* Goal of the exercise:
Quote the entries below from the line with "#29=IFCINDEXEDPOLYGONALFACE((1,5,6,2));" through the line with "#32=IFCINDEXEDPOLYGONALFACE((5,7,8,6));", both ends included, and only those lines.

[[ Given information open ]]

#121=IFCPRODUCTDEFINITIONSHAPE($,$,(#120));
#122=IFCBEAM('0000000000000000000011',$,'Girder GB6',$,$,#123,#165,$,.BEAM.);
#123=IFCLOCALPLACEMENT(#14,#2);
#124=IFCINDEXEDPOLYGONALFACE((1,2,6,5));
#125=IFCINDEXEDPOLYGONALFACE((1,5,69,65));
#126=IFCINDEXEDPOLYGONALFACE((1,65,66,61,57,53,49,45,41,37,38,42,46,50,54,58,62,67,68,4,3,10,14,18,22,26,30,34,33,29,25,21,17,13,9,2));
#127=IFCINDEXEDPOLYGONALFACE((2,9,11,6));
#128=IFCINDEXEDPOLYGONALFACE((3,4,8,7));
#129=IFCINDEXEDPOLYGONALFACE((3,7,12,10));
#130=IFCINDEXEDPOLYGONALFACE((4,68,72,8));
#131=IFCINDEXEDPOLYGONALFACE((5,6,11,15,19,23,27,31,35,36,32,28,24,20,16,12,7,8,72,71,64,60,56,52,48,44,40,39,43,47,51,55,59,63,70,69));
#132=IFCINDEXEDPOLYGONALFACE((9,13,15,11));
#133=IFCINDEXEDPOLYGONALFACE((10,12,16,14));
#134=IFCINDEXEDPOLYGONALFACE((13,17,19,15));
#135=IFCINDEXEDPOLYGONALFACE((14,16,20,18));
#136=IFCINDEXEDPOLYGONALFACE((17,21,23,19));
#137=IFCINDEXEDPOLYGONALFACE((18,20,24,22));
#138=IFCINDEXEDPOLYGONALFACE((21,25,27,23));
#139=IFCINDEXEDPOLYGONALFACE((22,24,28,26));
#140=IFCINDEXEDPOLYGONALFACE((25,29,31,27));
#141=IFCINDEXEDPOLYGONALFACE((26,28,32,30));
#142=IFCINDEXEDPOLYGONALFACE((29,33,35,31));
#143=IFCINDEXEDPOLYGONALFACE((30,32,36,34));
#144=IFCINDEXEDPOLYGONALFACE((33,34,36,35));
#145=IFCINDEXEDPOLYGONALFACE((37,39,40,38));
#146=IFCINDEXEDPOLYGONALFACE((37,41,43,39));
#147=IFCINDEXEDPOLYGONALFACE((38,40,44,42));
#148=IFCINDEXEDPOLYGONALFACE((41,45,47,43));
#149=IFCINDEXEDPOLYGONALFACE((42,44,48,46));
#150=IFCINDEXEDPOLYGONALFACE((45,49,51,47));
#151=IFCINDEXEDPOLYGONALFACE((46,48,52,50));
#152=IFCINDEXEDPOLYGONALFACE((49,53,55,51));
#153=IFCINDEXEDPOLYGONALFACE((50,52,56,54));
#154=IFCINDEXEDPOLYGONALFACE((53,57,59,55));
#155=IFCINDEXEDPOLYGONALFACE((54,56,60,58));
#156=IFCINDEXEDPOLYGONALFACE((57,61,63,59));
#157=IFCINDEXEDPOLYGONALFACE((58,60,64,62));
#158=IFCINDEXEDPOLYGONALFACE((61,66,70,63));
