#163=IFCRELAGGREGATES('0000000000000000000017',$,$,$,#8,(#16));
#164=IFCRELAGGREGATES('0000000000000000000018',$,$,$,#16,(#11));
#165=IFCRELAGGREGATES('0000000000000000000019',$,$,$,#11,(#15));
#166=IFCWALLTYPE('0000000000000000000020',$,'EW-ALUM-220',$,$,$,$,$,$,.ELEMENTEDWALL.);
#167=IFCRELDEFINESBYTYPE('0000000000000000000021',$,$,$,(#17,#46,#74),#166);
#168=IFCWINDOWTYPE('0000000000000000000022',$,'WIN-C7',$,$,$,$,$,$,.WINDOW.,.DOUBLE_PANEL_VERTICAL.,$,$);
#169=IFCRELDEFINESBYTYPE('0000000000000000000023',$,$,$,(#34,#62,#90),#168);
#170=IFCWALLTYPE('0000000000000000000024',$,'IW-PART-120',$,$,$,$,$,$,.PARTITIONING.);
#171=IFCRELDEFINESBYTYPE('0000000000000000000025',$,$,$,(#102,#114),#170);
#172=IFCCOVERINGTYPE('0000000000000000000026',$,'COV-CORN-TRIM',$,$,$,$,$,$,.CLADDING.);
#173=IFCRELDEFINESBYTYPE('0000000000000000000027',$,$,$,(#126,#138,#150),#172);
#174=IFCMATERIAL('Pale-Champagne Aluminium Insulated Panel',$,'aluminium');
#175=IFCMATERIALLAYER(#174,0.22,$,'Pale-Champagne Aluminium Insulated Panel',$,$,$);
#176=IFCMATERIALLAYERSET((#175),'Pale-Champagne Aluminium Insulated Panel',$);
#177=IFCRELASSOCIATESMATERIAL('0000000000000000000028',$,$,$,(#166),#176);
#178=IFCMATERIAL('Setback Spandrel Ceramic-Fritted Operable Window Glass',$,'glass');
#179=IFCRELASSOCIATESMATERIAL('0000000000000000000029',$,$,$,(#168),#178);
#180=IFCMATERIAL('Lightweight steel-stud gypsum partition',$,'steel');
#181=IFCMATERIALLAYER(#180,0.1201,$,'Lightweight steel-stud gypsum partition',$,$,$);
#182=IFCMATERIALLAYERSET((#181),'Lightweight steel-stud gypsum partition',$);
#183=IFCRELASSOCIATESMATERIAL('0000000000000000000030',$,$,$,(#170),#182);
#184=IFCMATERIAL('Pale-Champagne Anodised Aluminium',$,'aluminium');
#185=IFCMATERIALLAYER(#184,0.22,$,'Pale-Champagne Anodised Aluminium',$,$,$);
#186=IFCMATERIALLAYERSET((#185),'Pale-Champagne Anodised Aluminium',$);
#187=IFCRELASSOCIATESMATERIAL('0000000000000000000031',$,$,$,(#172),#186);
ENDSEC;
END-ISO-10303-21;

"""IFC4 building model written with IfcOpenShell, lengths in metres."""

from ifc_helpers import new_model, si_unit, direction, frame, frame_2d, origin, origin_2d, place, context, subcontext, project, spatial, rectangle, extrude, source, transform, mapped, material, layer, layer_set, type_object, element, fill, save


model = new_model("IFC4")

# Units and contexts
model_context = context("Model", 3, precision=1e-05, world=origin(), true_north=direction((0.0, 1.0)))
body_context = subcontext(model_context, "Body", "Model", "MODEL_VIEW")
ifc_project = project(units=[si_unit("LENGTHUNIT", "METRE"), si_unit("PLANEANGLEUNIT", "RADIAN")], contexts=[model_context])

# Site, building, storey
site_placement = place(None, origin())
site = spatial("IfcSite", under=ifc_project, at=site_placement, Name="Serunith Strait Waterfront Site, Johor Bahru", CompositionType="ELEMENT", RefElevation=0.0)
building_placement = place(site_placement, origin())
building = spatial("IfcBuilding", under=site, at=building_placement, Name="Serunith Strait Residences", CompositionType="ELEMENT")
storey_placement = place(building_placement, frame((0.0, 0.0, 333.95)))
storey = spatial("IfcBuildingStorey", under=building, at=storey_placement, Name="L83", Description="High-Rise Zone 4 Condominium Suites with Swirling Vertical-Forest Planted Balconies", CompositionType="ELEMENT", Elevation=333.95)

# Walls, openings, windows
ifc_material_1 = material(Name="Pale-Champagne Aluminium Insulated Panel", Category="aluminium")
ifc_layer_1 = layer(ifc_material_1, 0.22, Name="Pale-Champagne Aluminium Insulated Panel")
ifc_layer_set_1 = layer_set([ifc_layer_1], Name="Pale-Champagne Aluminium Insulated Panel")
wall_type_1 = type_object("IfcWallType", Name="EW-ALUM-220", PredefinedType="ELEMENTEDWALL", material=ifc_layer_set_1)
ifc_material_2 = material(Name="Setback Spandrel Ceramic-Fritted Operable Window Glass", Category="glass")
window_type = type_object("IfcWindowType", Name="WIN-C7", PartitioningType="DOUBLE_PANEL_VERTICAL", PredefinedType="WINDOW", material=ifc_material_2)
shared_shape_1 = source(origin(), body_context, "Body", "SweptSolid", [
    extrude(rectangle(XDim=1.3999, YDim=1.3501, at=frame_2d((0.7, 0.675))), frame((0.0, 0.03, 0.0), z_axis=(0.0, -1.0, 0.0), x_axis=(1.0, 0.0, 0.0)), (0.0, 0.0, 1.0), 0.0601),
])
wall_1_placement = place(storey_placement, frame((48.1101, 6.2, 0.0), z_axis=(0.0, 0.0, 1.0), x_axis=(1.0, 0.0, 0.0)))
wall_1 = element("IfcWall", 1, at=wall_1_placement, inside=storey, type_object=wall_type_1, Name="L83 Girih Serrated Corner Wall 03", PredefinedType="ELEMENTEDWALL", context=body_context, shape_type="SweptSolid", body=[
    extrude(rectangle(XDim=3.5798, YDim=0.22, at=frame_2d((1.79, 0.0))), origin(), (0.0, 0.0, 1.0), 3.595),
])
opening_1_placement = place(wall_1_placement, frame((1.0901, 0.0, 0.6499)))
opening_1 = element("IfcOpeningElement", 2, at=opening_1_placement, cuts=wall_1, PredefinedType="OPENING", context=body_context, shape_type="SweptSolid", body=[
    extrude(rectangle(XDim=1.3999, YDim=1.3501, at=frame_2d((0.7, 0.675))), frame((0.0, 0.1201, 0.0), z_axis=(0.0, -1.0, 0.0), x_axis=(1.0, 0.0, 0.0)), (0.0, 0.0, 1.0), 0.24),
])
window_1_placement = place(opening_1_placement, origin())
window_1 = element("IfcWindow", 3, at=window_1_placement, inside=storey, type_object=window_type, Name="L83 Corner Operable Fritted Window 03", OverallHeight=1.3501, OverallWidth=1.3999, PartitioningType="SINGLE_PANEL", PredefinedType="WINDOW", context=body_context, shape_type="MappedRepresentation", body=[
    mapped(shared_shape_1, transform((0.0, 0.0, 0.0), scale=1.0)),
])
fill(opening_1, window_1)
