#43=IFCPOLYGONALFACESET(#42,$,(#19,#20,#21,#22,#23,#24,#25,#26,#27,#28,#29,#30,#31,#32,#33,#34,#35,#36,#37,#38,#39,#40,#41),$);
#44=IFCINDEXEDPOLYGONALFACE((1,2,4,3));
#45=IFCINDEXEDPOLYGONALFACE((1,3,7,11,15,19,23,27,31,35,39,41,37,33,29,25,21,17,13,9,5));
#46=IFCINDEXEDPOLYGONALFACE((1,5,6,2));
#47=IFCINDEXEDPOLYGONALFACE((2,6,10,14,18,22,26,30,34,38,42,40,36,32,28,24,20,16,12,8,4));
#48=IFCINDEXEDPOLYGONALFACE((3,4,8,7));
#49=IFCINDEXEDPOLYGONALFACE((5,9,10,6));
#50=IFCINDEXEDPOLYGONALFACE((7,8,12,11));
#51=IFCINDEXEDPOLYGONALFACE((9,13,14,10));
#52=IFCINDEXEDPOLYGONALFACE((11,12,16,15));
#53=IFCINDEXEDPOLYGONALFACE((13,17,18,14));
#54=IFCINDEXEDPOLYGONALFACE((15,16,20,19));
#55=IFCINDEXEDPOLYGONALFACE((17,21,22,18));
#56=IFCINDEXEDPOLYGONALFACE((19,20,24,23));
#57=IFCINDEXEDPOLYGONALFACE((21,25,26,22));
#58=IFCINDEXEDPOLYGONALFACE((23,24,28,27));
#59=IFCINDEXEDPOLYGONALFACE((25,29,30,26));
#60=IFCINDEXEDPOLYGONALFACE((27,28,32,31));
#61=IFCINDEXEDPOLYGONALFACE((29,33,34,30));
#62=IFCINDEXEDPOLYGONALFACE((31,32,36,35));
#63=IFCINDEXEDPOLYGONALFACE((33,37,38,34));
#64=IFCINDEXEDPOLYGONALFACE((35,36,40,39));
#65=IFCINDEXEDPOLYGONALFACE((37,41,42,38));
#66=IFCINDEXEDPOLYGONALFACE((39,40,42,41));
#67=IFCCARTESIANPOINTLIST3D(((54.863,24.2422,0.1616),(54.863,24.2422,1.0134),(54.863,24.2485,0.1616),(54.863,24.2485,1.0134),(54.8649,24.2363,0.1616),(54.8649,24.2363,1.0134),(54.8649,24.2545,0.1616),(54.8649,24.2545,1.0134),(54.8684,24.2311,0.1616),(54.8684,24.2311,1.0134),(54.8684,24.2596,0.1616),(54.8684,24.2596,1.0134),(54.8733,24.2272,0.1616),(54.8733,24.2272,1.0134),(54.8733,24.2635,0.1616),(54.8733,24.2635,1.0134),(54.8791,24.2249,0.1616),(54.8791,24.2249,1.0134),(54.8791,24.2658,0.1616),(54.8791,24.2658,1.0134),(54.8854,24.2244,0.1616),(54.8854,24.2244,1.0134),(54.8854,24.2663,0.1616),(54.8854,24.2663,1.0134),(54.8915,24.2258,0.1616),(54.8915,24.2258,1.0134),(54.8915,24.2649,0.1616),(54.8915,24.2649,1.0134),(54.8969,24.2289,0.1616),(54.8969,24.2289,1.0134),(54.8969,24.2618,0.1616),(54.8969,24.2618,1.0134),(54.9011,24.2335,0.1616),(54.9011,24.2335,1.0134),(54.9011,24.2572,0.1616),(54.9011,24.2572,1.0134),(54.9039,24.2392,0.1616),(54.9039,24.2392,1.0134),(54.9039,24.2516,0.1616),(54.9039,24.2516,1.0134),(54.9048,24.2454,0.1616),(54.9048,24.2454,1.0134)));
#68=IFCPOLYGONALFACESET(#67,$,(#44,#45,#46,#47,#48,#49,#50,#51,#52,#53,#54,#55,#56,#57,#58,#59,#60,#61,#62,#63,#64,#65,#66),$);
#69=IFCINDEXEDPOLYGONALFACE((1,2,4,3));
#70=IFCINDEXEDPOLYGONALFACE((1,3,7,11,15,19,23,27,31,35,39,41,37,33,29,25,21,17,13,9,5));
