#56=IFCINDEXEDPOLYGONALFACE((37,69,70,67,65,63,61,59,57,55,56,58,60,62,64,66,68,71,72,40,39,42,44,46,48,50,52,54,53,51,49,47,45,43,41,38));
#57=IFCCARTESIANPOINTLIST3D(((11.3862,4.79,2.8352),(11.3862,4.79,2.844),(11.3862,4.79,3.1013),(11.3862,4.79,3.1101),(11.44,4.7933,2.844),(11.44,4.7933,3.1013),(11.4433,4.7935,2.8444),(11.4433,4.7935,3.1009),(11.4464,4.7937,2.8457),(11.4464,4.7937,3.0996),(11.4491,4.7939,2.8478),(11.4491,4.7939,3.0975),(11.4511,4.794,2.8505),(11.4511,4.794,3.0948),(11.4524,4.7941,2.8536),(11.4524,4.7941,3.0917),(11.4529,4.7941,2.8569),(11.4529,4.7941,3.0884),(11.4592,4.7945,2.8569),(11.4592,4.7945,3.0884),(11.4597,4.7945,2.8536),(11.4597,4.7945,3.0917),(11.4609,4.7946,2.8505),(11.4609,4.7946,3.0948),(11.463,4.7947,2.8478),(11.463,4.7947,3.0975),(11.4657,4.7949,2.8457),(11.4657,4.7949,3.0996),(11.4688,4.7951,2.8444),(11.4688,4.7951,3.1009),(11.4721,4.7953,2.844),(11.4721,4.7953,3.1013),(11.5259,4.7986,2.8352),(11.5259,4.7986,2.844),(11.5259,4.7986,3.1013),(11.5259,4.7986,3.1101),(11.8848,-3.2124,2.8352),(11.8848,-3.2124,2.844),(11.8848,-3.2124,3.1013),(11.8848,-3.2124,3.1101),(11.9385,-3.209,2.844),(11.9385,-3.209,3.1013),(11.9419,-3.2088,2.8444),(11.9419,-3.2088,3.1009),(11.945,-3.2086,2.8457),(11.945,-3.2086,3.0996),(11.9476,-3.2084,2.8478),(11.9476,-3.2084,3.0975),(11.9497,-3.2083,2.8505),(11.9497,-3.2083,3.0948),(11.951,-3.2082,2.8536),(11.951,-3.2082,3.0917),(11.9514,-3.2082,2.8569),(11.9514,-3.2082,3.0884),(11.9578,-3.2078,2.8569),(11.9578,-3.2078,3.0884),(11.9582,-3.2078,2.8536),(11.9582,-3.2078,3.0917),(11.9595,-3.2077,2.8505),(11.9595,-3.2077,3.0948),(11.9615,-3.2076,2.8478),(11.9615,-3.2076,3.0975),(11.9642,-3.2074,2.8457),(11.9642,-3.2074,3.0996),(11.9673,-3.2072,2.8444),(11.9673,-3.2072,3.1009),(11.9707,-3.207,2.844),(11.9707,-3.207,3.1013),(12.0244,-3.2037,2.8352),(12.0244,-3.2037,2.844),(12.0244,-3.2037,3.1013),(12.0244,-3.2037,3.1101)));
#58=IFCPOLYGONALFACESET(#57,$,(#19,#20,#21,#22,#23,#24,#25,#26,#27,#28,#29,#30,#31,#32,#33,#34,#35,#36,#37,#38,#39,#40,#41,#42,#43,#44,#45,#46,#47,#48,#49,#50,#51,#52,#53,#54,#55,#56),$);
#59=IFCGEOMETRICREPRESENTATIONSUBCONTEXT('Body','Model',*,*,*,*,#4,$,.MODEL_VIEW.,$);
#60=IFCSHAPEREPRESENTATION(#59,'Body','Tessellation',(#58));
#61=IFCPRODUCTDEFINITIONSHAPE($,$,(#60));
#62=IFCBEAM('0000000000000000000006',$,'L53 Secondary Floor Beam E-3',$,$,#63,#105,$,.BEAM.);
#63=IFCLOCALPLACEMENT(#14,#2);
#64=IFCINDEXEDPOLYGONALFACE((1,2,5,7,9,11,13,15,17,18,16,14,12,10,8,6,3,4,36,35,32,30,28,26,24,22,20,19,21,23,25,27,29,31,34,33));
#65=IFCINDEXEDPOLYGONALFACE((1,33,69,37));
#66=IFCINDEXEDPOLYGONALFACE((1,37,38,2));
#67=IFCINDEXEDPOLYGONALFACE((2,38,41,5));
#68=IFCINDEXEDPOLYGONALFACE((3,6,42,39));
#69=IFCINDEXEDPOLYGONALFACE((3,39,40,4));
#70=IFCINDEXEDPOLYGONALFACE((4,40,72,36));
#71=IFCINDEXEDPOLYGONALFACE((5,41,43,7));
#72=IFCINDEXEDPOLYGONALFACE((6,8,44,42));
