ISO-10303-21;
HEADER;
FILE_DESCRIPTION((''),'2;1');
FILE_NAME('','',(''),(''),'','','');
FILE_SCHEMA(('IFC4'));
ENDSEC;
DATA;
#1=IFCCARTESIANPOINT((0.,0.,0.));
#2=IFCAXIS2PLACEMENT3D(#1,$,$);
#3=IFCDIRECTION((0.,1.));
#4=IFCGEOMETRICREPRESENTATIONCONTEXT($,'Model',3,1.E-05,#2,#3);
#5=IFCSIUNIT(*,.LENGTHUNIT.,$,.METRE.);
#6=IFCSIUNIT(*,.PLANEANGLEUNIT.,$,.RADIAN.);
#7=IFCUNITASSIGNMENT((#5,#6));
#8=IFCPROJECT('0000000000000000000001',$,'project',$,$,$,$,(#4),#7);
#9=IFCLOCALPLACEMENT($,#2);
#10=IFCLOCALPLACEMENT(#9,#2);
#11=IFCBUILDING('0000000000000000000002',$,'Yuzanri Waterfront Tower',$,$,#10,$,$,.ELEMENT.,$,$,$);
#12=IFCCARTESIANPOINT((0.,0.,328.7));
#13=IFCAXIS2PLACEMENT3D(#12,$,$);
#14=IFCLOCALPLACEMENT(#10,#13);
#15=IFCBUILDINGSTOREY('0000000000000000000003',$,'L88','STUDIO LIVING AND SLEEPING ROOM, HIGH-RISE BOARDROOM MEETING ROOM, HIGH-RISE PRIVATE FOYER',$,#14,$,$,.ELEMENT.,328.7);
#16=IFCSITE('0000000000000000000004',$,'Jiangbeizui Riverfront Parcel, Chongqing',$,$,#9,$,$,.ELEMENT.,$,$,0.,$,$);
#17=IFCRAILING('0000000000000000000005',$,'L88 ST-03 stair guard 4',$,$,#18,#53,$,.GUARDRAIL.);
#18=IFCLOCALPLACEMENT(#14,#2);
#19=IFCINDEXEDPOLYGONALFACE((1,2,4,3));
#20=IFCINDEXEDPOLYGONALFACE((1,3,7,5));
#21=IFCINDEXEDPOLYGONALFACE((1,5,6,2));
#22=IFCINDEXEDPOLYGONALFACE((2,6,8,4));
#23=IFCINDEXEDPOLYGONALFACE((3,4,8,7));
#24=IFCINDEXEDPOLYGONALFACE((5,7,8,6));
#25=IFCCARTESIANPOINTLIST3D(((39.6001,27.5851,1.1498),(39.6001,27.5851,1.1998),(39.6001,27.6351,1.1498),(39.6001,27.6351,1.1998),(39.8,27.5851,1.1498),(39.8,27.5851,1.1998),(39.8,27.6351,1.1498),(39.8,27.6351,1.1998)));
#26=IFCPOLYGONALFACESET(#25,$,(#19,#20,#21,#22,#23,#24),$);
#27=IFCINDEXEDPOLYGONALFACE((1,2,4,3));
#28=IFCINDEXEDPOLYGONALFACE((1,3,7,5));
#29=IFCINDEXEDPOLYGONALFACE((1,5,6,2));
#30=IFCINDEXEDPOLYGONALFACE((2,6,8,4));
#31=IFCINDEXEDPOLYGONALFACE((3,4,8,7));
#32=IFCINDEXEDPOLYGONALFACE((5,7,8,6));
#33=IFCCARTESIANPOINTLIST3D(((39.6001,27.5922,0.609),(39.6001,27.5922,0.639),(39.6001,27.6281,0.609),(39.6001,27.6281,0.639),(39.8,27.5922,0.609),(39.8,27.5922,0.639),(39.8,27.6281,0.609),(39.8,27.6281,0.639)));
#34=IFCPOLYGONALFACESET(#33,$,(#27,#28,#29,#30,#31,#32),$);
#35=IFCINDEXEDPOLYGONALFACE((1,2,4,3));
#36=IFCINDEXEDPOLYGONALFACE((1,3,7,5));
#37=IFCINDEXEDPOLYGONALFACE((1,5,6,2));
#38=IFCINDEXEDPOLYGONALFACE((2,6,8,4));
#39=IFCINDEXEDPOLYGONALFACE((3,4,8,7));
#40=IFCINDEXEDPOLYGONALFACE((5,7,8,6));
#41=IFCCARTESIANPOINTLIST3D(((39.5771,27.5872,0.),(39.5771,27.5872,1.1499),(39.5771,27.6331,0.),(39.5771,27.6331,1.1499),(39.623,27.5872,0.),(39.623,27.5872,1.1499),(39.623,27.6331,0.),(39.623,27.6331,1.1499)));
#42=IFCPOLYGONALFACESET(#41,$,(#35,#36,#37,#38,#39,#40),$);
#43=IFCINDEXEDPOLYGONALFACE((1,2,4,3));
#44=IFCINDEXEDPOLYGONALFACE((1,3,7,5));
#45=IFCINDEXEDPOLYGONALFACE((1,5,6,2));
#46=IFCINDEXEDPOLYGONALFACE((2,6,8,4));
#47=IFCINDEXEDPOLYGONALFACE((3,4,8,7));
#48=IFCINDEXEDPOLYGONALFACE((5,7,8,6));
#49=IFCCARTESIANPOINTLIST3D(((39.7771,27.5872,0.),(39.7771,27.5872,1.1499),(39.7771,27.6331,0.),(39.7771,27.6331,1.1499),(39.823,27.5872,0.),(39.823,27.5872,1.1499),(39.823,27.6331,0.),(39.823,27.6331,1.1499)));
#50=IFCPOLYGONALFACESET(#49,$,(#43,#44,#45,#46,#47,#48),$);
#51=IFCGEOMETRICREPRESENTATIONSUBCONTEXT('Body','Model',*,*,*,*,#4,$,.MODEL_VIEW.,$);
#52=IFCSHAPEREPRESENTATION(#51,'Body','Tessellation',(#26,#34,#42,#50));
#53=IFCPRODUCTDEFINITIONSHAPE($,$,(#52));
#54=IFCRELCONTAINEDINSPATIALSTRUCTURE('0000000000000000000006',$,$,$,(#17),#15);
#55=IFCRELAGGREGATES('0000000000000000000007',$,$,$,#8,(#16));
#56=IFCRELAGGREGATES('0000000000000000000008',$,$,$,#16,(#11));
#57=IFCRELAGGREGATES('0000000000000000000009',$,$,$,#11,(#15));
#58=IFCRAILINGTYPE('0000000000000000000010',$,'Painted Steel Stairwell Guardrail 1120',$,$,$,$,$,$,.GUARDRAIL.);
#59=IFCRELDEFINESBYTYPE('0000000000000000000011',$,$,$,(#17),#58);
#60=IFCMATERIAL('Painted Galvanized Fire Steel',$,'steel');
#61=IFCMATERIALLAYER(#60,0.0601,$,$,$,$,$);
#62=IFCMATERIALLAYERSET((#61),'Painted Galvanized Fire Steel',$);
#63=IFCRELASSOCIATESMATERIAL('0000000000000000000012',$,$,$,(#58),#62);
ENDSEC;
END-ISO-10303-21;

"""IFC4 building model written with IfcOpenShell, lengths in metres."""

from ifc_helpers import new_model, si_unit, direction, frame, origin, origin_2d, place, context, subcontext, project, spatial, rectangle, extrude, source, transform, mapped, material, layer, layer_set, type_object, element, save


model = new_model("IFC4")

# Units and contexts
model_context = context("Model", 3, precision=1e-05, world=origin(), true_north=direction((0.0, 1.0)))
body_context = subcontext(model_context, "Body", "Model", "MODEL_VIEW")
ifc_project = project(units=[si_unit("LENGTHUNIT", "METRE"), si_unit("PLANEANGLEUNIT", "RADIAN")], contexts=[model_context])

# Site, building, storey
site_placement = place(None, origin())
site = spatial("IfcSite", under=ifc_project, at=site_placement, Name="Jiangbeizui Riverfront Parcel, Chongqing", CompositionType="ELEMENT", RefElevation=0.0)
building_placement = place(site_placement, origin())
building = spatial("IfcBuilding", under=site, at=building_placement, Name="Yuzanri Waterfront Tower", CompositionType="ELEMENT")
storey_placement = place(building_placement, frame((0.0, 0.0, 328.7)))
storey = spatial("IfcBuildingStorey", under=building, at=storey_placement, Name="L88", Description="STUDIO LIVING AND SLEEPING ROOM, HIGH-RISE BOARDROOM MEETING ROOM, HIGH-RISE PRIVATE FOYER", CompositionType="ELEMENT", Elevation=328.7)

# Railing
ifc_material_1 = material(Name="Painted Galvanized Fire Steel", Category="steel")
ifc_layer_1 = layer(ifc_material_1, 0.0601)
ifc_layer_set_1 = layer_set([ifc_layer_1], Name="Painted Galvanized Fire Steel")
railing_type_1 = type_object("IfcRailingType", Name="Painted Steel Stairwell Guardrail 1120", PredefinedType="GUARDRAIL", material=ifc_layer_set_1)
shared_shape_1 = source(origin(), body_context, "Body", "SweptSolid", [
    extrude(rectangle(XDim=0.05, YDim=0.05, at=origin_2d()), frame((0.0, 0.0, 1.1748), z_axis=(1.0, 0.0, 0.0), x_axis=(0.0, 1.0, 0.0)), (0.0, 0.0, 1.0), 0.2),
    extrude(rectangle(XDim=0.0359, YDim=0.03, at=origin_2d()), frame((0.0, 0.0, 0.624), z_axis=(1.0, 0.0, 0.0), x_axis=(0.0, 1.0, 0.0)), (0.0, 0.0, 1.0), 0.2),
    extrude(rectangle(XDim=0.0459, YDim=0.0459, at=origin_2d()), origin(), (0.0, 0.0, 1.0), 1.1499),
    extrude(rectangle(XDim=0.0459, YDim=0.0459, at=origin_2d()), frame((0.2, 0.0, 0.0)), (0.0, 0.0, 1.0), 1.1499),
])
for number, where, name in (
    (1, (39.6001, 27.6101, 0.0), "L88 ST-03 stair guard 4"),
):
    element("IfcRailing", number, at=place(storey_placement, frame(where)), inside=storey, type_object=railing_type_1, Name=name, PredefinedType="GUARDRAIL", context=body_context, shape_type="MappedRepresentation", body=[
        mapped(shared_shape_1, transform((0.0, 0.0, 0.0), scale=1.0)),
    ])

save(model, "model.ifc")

[[ Given information closed ]]

* Exercise response:
#29=IFCINDEXEDPOLYGONALFACE((1,5,6,2));
#30=IFCINDEXEDPOLYGONALFACE((2,6,8,4));
#31=IFCINDEXEDPOLYGONALFACE((3,4,8,7));
#32=IFCINDEXEDPOLYGONALFACE((5,7,8,6));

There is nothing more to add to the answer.